- RECORDS PROVIDED -

┏━━

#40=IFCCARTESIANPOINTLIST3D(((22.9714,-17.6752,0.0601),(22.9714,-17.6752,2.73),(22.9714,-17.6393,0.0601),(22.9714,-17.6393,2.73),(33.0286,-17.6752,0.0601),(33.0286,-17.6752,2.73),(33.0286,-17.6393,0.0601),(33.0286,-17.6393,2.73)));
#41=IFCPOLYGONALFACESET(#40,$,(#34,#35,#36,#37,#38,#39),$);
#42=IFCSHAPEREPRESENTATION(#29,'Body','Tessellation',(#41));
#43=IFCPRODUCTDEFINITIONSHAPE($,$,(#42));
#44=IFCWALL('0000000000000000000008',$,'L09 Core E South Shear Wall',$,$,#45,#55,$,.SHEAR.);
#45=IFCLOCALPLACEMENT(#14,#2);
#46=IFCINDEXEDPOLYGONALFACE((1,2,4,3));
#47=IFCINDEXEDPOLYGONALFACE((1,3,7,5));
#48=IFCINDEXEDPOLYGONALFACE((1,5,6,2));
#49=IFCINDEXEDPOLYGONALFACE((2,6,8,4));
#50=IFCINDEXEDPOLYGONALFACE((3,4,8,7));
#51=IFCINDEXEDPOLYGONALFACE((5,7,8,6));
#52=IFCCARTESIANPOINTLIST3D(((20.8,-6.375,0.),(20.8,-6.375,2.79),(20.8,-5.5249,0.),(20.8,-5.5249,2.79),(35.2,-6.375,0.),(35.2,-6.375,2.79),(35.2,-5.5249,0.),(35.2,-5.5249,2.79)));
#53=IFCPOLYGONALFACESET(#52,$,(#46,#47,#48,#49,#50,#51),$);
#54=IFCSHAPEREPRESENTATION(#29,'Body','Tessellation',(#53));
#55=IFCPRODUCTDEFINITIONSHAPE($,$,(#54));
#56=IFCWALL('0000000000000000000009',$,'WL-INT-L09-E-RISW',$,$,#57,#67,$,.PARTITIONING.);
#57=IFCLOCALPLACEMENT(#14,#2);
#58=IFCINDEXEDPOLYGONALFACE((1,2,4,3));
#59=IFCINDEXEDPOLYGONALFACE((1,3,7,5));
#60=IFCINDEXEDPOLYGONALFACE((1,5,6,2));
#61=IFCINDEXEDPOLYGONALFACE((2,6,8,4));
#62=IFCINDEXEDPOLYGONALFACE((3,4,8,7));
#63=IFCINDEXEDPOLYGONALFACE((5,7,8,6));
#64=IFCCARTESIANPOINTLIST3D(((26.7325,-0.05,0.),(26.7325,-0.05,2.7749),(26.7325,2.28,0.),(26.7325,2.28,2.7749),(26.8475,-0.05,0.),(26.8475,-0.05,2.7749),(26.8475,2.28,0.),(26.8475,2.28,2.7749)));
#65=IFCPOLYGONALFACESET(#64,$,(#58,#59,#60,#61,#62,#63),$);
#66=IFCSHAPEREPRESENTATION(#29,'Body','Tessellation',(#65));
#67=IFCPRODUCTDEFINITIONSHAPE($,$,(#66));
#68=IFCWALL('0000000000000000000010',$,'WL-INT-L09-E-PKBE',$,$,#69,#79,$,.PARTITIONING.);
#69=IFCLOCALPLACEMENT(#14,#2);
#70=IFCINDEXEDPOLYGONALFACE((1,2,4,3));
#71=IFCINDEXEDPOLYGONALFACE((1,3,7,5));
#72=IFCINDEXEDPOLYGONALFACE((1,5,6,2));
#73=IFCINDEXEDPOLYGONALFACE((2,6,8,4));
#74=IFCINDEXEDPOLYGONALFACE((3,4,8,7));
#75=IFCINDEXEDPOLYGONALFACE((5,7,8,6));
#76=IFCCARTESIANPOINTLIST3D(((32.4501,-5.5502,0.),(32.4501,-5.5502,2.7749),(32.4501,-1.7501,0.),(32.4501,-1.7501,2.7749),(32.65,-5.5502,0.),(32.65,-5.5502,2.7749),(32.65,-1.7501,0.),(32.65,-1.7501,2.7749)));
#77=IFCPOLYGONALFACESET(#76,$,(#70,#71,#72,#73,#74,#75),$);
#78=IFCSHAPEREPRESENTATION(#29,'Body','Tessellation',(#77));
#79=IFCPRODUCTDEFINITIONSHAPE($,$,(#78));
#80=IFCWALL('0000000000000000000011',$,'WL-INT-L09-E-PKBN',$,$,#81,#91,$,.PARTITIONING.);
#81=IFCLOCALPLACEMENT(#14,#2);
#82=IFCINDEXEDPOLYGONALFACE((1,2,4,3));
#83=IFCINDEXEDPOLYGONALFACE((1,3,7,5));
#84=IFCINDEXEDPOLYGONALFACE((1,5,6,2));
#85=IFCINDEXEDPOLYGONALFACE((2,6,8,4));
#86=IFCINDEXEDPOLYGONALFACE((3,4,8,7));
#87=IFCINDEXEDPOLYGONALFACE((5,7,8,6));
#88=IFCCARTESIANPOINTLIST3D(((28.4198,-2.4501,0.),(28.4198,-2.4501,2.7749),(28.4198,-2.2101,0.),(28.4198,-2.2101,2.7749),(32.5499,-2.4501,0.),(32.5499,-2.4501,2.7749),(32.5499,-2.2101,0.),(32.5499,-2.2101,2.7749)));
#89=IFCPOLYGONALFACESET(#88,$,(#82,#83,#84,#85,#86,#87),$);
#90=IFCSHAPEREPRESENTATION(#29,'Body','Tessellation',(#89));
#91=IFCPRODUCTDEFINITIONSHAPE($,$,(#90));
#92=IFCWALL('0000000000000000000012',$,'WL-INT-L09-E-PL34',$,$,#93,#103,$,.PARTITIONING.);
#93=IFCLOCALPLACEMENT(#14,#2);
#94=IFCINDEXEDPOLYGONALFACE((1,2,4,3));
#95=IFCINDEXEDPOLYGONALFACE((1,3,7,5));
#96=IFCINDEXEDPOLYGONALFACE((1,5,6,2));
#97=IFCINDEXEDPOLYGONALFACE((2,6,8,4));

┗━━

- WORK TASK -
Give back, verbatim, the lines from the top of the entries above through the line containing "#63=IFCINDEXEDPOLYGONALFACE((5,7,8,6));".

- RESPONSE BOX -
#40=IFCCARTESIANPOINTLIST3D(((22.9714,-17.6752,0.0601),(22.9714,-17.6752,2.73),(22.9714,-17.6393,0.0601),(22.9714,-17.6393,2.73),(33.0286,-17.6752,0.0601),(33.0286,-17.6752,2.73),(33.0286,-17.6393,0.0601),(33.0286,-17.6393,2.73)));
#41=IFCPOLYGONALFACESET(#40,$,(#34,#35,#36,#37,#38,#39),$);
#42=IFCSHAPEREPRESENTATION(#29,'Body','Tessellation',(#41));
#43=IFCPRODUCTDEFINITIONSHAPE($,$,(#42));
#44=IFCWALL('0000000000000000000008',$,'L09 Core E South Shear Wall',$,$,#45,#55,$,.SHEAR.);
#45=IFCLOCALPLACEMENT(#14,#2);
#46=IFCINDEXEDPOLYGONALFACE((1,2,4,3));
#47=IFCINDEXEDPOLYGONALFACE((1,3,7,5));
#48=IFCINDEXEDPOLYGONALFACE((1,5,6,2));
#49=IFCINDEXEDPOLYGONALFACE((2,6,8,4));
#50=IFCINDEXEDPOLYGONALFACE((3,4,8,7));
#51=IFCINDEXEDPOLYGONALFACE((5,7,8,6));
#52=IFCCARTESIANPOINTLIST3D(((20.8,-6.375,0.),(20.8,-6.375,2.79),(20.8,-5.5249,0.),(20.8,-5.5249,2.79),(35.2,-6.375,0.),(35.2,-6.375,2.79),(35.2,-5.5249,0.),(35.2,-5.5249,2.79)));
#53=IFCPOLYGONALFACESET(#52,$,(#46,#47,#48,#49,#50,#51),$);
#54=IFCSHAPEREPRESENTATION(#29,'Body','Tessellation',(#53));
#55=IFCPRODUCTDEFINITIONSHAPE($,$,(#54));
#56=IFCWALL('0000000000000000000009',$,'WL-INT-L09-E-RISW',$,$,#57,#67,$,.PARTITIONING.);
#57=IFCLOCALPLACEMENT(#14,#2);
#58=IFCINDEXEDPOLYGONALFACE((1,2,4,3));
#59=IFCINDEXEDPOLYGONALFACE((1,3,7,5));
#60=IFCINDEXEDPOLYGONALFACE((1,5,6,2));
#61=IFCINDEXEDPOLYGONALFACE((2,6,8,4));
#62=IFCINDEXEDPOLYGONALFACE((3,4,8,7));
#63=IFCINDEXEDPOLYGONALFACE((5,7,8,6));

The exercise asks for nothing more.